**EXERCISE MATERIALS:**
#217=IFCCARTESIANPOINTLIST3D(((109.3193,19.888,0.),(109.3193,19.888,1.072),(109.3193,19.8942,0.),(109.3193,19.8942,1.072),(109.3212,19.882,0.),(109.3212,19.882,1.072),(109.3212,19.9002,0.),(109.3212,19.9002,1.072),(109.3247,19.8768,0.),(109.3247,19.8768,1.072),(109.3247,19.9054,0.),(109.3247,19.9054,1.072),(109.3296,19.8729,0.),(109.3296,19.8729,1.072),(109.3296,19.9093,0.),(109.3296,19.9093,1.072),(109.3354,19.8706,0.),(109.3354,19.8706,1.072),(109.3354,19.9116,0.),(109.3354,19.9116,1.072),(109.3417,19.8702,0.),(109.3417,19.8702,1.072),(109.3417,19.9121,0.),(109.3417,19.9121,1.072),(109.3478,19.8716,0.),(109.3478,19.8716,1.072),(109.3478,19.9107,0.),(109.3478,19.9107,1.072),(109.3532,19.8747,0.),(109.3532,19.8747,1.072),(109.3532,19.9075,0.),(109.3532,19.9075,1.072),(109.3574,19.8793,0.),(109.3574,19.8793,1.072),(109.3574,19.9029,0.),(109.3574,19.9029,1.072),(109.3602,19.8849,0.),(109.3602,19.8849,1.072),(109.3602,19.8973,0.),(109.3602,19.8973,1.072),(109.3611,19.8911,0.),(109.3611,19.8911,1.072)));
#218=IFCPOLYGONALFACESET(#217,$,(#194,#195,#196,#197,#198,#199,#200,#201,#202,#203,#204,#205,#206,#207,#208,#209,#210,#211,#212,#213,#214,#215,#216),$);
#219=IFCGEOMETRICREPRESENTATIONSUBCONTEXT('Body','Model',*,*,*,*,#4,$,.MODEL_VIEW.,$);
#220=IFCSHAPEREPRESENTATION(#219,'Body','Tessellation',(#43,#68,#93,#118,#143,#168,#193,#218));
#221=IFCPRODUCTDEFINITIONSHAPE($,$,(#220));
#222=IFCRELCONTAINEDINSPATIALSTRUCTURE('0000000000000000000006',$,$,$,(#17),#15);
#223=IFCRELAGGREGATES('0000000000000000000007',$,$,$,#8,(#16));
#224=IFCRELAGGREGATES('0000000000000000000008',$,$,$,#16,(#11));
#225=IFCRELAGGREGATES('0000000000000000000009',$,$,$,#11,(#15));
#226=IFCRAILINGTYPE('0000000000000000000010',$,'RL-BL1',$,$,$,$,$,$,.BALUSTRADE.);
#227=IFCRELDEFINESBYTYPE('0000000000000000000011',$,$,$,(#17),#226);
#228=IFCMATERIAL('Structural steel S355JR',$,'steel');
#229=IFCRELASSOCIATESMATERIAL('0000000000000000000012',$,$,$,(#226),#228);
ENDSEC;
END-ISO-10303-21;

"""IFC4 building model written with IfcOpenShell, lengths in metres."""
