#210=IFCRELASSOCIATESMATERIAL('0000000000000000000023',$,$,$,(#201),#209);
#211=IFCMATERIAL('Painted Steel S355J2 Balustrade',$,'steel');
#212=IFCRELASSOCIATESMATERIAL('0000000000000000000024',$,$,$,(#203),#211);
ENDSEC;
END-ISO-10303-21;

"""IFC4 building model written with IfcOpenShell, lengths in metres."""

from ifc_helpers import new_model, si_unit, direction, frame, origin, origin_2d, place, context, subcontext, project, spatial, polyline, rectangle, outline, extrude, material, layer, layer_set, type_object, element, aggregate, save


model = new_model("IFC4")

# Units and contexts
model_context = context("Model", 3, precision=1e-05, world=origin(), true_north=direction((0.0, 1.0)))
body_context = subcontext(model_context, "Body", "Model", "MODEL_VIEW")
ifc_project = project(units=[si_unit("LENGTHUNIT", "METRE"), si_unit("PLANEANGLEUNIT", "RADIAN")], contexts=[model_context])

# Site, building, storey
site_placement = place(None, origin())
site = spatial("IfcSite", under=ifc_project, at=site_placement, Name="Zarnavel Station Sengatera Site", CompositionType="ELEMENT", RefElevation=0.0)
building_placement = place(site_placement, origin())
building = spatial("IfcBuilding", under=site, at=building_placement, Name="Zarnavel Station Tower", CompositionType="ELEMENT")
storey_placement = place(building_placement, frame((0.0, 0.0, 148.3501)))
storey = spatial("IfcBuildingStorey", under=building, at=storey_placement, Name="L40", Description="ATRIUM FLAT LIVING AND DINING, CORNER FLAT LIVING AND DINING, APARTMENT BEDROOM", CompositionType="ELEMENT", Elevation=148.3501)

**THE TASK:** Return all of the data word for word.

**REPLY:**
#217=IFCCARTESIANPOINTLIST3D(((109.3193,19.888,0.),(109.3193,19.888,1.072),(109.3193,19.8942,0.),(109.3193,19.8942,1.072),(109.3212,19.882,0.),(109.3212,19.882,1.072),(109.3212,19.9002,0.),(109.3212,19.9002,1.072),(109.3247,19.8768,0.),(109.3247,19.8768,1.072),(109.3247,19.9054,0.),(109.3247,19.9054,1.072),(109.3296,19.8729,0.),(109.3296,19.8729,1.072),(109.3296,19.9093,0.),(109.3296,19.9093,1.072),(109.3354,19.8706,0.),(109.3354,19.8706,1.072),(109.3354,19.9116,0.),(109.3354,19.9116,1.072),(109.3417,19.8702,0.),(109.3417,19.8702,1.072),(109.3417,19.9121,0.),(109.3417,19.9121,1.072),(109.3478,19.8716,0.),(109.3478,19.8716,1.072),(109.3478,19.9107,0.),(109.3478,19.9107,1.072),(109.3532,19.8747,0.),(109.3532,19.8747,1.072),(109.3532,19.9075,0.),(109.3532,19.9075,1.072),(109.3574,19.8793,0.),(109.3574,19.8793,1.072),(109.3574,19.9029,0.),(109.3574,19.9029,1.072),(109.3602,19.8849,0.),(109.3602,19.8849,1.072),(109.3602,19.8973,0.),(109.3602,19.8973,1.072),(109.3611,19.8911,0.),(109.3611,19.8911,1.072)));
#218=IFCPOLYGONALFACESET(#217,$,(#194,#195,#196,#197,#198,#199,#200,#201,#202,#203,#204,#205,#206,#207,#208,#209,#210,#211,#212,#213,#214,#215,#216),$);
#219=IFCGEOMETRICREPRESENTATIONSUBCONTEXT('Body','Model',*,*,*,*,#4,$,.MODEL_VIEW.,$);
#220=IFCSHAPEREPRESENTATION(#219,'Body','Tessellation',(#43,#68,#93,#118,#143,#168,#193,#218));
#221=IFCPRODUCTDEFINITIONSHAPE($,$,(#220));
#222=IFCRELCONTAINEDINSPATIALSTRUCTURE('0000000000000000000006',$,$,$,(#17),#15);
#223=IFCRELAGGREGATES('0000000000000000000007',$,$,$,#8,(#16));
#224=IFCRELAGGREGATES('0000000000000000000008',$,$,$,#16,(#11));
#225=IFCRELAGGREGATES('0000000000000000000009',$,$,$,#11,(#15));
#226=IFCRAILINGTYPE('0000000000000000000010',$,'RL-BL1',$,$,$,$,$,$,.BALUSTRADE.);
#227=IFCRELDEFINESBYTYPE('0000000000000000000011',$,$,$,(#17),#226);
#228=IFCMATERIAL('Structural steel S355JR',$,'steel');
#229=IFCRELASSOCIATESMATERIAL('0000000000000000000012',$,$,$,(#226),#228);
ENDSEC;
END-ISO-10303-21;

"""IFC4 building model written with IfcOpenShell, lengths in metres."""
#210=IFCRELASSOCIATESMATERIAL('0000000000000000000023',$,$,$,(#201),#209);
#211=IFCMATERIAL('Painted Steel S355J2 Balustrade',$,'steel');
#212=IFCRELASSOCIATESMATERIAL('0000000000000000000024',$,$,$,(#203),#211);
ENDSEC;
END-ISO-10303-21;

"""IFC4 building model written with IfcOpenShell, lengths in metres."""

from ifc_helpers import new_model, si_unit, direction, frame, origin, origin_2d, place, context, subcontext, project, spatial, polyline, rectangle, outline, extrude, material, layer, layer_set, type_object, element, aggregate, save


model = new_model("IFC4")

# Units and contexts
model_context = context("Model", 3, precision=1e-05, world=origin(), true_north=direction((0.0, 1.0)))
body_context = subcontext(model_context, "Body", "Model", "MODEL_VIEW")
ifc_project = project(units=[si_unit("LENGTHUNIT", "METRE"), si_unit("PLANEANGLEUNIT", "RADIAN")], contexts=[model_context])

# Site, building, storey
site_placement = place(None, origin())
site = spatial("IfcSite", under=ifc_project, at=site_placement, Name="Zarnavel Station Sengatera Site", CompositionType="ELEMENT", RefElevation=0.0)
building_placement = place(site_placement, origin())
building = spatial("IfcBuilding", under=site, at=building_placement, Name="Zarnavel Station Tower", CompositionType="ELEMENT")
storey_placement = place(building_placement, frame((0.0, 0.0, 148.3501)))
storey = spatial("IfcBuildingStorey", under=building, at=storey_placement, Name="L40", Description="ATRIUM FLAT LIVING AND DINING, CORNER FLAT LIVING AND DINING, APARTMENT BEDROOM", CompositionType="ELEMENT", Elevation=148.3501)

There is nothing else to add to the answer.